### What to do
Write only the number of lines in the entries that hold the string "Tessellation".

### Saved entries
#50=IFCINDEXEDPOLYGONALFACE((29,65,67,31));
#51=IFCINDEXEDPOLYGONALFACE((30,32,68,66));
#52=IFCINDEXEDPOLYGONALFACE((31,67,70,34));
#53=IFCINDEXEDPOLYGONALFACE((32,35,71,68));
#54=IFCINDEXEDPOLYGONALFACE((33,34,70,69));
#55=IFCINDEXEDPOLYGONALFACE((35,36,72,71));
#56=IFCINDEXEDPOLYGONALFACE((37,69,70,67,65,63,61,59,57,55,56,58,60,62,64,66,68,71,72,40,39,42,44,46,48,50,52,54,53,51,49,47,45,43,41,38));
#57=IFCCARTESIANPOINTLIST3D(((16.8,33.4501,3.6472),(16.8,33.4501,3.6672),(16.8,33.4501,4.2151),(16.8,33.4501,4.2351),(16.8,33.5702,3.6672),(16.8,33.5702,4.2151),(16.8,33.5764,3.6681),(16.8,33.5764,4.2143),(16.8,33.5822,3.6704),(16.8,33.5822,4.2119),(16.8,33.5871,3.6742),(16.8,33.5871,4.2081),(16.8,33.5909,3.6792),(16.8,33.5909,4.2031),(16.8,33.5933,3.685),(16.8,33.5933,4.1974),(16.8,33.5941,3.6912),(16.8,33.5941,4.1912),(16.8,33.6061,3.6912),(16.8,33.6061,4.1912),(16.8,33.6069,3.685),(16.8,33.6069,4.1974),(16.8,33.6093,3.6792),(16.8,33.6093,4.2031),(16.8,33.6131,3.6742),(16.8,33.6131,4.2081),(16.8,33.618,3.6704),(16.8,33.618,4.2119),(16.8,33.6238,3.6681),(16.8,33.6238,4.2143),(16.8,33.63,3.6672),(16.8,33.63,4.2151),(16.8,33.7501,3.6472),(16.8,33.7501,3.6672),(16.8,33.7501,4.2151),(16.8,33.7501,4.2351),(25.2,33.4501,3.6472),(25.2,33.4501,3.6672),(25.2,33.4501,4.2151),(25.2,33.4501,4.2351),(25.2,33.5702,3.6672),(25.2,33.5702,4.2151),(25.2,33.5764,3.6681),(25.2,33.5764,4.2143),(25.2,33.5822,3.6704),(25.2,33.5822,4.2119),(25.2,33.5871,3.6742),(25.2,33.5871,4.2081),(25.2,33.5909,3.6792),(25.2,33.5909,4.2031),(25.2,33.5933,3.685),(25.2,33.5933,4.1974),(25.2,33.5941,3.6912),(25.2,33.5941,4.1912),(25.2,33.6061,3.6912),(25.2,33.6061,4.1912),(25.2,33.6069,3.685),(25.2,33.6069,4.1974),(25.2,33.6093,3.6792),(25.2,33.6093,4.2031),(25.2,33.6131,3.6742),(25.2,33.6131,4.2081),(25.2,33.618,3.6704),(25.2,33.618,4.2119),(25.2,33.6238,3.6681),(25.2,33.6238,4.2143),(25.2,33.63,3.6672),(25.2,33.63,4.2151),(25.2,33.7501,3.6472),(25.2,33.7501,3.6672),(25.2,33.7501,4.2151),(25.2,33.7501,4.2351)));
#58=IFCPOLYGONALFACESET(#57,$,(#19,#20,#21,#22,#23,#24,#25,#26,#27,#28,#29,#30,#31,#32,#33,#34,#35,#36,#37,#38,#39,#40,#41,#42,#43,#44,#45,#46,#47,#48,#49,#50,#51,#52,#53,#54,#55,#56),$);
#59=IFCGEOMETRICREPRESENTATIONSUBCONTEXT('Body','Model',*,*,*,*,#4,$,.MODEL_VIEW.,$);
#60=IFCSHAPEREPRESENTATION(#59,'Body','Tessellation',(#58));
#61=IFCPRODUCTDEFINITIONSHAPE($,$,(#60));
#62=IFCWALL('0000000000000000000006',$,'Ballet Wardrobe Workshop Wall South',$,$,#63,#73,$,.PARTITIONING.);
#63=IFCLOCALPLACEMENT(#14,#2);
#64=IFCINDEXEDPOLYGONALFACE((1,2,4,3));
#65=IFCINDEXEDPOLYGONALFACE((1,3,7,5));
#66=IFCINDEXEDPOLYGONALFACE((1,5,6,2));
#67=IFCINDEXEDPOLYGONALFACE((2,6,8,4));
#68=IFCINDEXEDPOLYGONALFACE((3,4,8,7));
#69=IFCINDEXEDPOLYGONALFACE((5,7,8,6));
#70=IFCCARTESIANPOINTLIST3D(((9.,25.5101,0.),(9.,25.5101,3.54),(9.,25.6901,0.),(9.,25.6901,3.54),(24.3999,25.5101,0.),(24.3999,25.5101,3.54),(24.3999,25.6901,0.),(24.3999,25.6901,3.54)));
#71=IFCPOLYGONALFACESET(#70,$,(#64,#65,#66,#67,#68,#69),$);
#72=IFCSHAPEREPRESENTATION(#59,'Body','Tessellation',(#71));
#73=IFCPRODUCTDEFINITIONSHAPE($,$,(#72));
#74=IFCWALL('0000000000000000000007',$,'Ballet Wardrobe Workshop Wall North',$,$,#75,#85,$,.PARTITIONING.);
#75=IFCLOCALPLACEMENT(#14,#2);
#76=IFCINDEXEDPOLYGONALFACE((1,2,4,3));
==
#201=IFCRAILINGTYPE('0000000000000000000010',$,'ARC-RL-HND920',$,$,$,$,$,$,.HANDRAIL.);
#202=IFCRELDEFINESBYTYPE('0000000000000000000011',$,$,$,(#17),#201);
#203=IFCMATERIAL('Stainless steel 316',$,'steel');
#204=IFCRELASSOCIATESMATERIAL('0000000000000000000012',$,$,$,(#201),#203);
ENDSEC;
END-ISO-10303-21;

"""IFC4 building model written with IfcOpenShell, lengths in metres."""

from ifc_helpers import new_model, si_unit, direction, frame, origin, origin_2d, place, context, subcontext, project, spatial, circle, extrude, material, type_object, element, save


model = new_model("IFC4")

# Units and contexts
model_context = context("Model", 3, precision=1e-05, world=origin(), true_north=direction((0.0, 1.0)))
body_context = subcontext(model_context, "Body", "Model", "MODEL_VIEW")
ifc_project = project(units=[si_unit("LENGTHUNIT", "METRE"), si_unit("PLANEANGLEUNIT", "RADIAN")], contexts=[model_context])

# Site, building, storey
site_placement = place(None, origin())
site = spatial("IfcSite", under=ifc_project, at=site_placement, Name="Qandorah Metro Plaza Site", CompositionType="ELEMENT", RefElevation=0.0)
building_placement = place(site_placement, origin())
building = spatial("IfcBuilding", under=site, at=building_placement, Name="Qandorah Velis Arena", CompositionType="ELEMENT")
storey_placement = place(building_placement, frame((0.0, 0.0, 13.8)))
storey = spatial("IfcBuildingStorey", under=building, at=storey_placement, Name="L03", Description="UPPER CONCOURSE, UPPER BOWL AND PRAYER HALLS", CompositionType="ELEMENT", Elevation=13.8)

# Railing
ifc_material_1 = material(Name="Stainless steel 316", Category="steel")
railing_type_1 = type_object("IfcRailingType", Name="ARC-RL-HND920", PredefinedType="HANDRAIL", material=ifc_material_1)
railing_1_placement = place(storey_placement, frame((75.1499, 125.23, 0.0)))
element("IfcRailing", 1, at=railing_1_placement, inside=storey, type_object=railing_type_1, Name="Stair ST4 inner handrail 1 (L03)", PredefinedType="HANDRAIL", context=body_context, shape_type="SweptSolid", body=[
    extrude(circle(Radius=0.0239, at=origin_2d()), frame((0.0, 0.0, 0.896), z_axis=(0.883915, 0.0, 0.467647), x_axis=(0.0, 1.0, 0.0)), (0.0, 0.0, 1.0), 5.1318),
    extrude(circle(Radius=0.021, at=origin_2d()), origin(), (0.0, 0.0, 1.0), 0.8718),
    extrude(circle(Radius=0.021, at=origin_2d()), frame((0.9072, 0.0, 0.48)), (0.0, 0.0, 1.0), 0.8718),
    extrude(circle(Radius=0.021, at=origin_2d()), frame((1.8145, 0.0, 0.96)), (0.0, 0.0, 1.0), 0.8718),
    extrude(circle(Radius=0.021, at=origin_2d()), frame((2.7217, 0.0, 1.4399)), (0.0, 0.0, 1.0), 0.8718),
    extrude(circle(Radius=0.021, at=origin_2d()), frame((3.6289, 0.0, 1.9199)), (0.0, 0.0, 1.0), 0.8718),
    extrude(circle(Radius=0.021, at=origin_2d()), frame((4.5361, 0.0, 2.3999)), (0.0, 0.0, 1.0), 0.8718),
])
---
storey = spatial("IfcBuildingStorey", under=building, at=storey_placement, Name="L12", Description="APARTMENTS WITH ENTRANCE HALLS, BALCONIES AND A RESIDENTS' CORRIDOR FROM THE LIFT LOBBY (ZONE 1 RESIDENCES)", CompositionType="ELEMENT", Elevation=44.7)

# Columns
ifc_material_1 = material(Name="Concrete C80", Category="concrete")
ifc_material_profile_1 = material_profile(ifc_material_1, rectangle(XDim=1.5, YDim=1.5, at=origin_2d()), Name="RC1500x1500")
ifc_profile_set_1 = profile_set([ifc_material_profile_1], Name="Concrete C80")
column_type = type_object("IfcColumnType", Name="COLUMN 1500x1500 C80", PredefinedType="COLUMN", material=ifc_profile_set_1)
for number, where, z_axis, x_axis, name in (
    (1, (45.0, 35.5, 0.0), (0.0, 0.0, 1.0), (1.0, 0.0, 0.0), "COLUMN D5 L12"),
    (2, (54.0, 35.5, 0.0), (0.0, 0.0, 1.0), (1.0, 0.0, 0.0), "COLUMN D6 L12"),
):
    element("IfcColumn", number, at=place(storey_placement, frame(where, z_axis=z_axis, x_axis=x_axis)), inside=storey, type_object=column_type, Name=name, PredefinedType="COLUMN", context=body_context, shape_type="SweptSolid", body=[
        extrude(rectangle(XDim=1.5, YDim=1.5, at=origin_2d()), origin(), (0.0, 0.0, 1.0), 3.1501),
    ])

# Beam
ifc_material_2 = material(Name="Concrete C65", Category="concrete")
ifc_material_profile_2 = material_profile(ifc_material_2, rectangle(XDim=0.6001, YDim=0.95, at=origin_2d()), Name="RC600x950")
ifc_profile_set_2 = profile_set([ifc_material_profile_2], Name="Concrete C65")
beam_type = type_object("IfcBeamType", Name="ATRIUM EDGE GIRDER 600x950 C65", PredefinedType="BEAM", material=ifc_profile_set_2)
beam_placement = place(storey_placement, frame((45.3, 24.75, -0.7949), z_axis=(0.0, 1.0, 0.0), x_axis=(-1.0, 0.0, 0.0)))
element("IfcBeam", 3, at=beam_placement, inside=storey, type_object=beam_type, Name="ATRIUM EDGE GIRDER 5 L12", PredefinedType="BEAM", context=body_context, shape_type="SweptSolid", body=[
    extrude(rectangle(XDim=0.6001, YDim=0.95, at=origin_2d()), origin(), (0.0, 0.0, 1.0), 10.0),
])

### Written response
2